- Goal of the exercise: Given the records below, would you repeat exactly the lines that begin at the one containing "#171=IFCPRODUCTDEFINITIONSHAPE($,$,(#170));" and end at the one containing "#178=IFCMATERIAL('Patinated bronze stair", inclusive?

[Stored data entries]
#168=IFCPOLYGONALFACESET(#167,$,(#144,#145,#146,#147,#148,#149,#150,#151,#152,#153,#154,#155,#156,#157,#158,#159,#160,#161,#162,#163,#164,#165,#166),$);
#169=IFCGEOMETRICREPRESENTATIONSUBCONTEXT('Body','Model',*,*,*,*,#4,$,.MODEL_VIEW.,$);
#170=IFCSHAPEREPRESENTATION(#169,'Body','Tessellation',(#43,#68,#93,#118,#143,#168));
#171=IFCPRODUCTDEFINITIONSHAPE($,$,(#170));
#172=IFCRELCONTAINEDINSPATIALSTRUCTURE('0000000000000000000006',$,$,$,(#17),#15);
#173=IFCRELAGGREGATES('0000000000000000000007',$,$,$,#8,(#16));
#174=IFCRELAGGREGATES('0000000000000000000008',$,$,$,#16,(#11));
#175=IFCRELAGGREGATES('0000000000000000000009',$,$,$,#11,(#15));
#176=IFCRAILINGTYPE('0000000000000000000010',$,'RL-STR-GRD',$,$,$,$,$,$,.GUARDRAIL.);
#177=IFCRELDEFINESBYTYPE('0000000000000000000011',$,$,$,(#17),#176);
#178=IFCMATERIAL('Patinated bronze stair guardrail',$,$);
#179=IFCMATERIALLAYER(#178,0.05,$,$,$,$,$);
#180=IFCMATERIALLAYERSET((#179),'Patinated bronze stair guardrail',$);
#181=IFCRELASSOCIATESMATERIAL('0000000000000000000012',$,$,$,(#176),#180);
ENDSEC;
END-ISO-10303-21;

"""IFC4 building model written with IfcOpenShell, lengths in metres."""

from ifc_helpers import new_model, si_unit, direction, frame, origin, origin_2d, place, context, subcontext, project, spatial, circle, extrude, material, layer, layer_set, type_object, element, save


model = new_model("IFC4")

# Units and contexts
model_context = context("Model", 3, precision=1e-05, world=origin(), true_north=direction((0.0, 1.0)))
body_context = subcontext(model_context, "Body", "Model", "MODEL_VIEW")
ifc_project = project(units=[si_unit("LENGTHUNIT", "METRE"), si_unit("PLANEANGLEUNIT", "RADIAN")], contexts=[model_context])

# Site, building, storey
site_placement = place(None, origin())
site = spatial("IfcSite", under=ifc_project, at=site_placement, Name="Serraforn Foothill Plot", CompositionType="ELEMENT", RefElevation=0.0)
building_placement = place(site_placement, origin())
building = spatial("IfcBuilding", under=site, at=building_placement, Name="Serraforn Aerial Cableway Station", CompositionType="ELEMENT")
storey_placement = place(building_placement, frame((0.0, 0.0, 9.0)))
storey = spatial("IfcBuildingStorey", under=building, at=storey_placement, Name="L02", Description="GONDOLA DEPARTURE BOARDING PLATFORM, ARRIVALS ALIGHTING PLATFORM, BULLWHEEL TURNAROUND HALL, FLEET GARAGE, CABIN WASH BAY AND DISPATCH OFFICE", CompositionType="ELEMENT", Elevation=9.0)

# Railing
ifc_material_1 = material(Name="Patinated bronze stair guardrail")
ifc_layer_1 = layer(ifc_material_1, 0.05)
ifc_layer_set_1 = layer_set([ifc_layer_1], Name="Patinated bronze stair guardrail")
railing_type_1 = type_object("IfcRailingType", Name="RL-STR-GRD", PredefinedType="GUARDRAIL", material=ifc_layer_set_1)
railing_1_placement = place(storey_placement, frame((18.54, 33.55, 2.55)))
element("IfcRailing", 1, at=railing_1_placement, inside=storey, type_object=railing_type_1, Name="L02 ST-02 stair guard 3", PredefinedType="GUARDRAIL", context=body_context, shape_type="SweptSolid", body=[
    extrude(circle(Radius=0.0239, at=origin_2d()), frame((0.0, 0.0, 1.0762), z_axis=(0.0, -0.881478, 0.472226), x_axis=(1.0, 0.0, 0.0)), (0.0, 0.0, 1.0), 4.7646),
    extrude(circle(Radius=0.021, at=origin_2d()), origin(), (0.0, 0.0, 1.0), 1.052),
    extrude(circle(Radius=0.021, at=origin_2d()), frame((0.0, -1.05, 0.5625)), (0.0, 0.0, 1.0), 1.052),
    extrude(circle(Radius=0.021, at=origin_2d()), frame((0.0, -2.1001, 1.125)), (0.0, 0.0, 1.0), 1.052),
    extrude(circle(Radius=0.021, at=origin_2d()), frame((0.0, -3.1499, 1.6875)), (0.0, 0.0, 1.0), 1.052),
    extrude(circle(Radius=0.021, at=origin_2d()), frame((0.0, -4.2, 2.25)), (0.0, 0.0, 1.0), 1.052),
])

- Exercise solution:
#171=IFCPRODUCTDEFINITIONSHAPE($,$,(#170));
#172=IFCRELCONTAINEDINSPATIALSTRUCTURE('0000000000000000000006',$,$,$,(#17),#15);
#173=IFCRELAGGREGATES('0000000000000000000007',$,$,$,#8,(#16));
#174=IFCRELAGGREGATES('0000000000000000000008',$,$,$,#16,(#11));
#175=IFCRELAGGREGATES('0000000000000000000009',$,$,$,#11,(#15));
#176=IFCRAILINGTYPE('0000000000000000000010',$,'RL-STR-GRD',$,$,$,$,$,$,.GUARDRAIL.);
#177=IFCRELDEFINESBYTYPE('0000000000000000000011',$,$,$,(#17),#176);
#178=IFCMATERIAL('Patinated bronze stair guardrail',$,$);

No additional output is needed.